What is being asked: Give again, exactly, every line of the entries below from the one that has "# Curtain wall, members" to the last.

Saved data entries
☆ ☆ ☆ ☆ ☆

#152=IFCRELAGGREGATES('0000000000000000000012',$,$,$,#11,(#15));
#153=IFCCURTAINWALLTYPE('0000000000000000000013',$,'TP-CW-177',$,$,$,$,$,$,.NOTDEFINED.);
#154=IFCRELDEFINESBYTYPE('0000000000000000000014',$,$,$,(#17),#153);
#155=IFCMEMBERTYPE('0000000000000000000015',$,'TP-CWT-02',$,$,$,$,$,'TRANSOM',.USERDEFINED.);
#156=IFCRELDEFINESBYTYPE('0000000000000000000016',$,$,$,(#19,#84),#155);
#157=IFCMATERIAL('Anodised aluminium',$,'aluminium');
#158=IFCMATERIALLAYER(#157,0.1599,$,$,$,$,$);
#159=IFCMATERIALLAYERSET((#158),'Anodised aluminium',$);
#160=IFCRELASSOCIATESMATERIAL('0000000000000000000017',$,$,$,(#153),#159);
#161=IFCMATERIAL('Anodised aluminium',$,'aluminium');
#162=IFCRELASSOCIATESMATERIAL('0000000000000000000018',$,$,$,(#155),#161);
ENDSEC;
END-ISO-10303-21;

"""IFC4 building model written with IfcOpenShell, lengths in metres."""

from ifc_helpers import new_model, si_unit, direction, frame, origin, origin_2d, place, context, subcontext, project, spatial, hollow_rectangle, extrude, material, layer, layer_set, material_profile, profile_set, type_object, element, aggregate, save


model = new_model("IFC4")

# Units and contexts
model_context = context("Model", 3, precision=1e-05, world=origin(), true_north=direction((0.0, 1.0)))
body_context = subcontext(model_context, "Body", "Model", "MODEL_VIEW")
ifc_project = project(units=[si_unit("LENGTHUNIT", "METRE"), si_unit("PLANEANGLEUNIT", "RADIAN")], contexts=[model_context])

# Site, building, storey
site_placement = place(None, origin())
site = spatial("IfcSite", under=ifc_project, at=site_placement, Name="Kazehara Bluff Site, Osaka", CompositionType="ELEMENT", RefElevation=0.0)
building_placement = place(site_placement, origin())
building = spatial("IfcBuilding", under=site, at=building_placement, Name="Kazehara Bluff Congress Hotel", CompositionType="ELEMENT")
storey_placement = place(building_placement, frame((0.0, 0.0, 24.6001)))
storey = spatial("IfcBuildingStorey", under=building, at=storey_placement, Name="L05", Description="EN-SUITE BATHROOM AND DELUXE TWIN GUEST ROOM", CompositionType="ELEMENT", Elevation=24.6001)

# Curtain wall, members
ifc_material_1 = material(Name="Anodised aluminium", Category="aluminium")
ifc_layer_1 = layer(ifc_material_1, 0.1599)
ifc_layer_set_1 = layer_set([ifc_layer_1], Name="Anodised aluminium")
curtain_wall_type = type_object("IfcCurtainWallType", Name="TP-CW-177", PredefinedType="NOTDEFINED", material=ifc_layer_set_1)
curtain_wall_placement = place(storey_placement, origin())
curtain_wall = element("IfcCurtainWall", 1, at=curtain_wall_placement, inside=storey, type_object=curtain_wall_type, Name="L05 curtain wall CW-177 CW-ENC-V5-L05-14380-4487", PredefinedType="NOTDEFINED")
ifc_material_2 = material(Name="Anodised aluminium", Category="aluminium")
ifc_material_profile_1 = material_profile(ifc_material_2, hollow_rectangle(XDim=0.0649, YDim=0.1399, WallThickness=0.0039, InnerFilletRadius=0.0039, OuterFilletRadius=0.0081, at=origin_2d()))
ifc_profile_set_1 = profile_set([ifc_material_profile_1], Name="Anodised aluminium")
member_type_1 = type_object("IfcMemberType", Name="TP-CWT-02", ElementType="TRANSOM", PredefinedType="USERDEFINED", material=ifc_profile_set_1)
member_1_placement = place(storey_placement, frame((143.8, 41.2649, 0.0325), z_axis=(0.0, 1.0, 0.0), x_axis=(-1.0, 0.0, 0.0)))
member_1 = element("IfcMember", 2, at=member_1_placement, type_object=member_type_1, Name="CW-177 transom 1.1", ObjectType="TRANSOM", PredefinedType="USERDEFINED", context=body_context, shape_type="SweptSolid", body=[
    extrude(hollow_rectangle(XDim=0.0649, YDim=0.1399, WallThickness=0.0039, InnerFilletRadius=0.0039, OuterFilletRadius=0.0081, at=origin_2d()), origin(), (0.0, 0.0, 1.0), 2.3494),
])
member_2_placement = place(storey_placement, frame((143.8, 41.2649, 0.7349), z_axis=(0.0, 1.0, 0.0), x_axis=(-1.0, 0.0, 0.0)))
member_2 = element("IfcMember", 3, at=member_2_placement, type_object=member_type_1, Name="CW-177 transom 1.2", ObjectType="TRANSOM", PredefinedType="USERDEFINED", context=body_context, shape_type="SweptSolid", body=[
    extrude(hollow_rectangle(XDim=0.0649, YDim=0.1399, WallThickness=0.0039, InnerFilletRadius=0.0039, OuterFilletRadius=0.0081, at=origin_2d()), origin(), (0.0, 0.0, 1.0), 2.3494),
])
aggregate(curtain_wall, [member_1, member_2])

☆ ☆ ☆ ☆ ☆

The answer:
# Curtain wall, members
ifc_material_1 = material(Name="Anodised aluminium", Category="aluminium")
ifc_layer_1 = layer(ifc_material_1, 0.1599)
ifc_layer_set_1 = layer_set([ifc_layer_1], Name="Anodised aluminium")
curtain_wall_type = type_object("IfcCurtainWallType", Name="TP-CW-177", PredefinedType="NOTDEFINED", material=ifc_layer_set_1)
curtain_wall_placement = place(storey_placement, origin())
curtain_wall = element("IfcCurtainWall", 1, at=curtain_wall_placement, inside=storey, type_object=curtain_wall_type, Name="L05 curtain wall CW-177 CW-ENC-V5-L05-14380-4487", PredefinedType="NOTDEFINED")
ifc_material_2 = material(Name="Anodised aluminium", Category="aluminium")
ifc_material_profile_1 = material_profile(ifc_material_2, hollow_rectangle(XDim=0.0649, YDim=0.1399, WallThickness=0.0039, InnerFilletRadius=0.0039, OuterFilletRadius=0.0081, at=origin_2d()))
ifc_profile_set_1 = profile_set([ifc_material_profile_1], Name="Anodised aluminium")
member_type_1 = type_object("IfcMemberType", Name="TP-CWT-02", ElementType="TRANSOM", PredefinedType="USERDEFINED", material=ifc_profile_set_1)
member_1_placement = place(storey_placement, frame((143.8, 41.2649, 0.0325), z_axis=(0.0, 1.0, 0.0), x_axis=(-1.0, 0.0, 0.0)))
member_1 = element("IfcMember", 2, at=member_1_placement, type_object=member_type_1, Name="CW-177 transom 1.1", ObjectType="TRANSOM", PredefinedType="USERDEFINED", context=body_context, shape_type="SweptSolid", body=[
    extrude(hollow_rectangle(XDim=0.0649, YDim=0.1399, WallThickness=0.0039, InnerFilletRadius=0.0039, OuterFilletRadius=0.0081, at=origin_2d()), origin(), (0.0, 0.0, 1.0), 2.3494),
])
member_2_placement = place(storey_placement, frame((143.8, 41.2649, 0.7349), z_axis=(0.0, 1.0, 0.0), x_axis=(-1.0, 0.0, 0.0)))
member_2 = element("IfcMember", 3, at=member_2_placement, type_object=member_type_1, Name="CW-177 transom 1.2", ObjectType="TRANSOM", PredefinedType="USERDEFINED", context=body_context, shape_type="SweptSolid", body=[
    extrude(hollow_rectangle(XDim=0.0649, YDim=0.1399, WallThickness=0.0039, InnerFilletRadius=0.0039, OuterFilletRadius=0.0081, at=origin_2d()), origin(), (0.0, 0.0, 1.0), 2.3494),
])
aggregate(curtain_wall, [member_1, member_2])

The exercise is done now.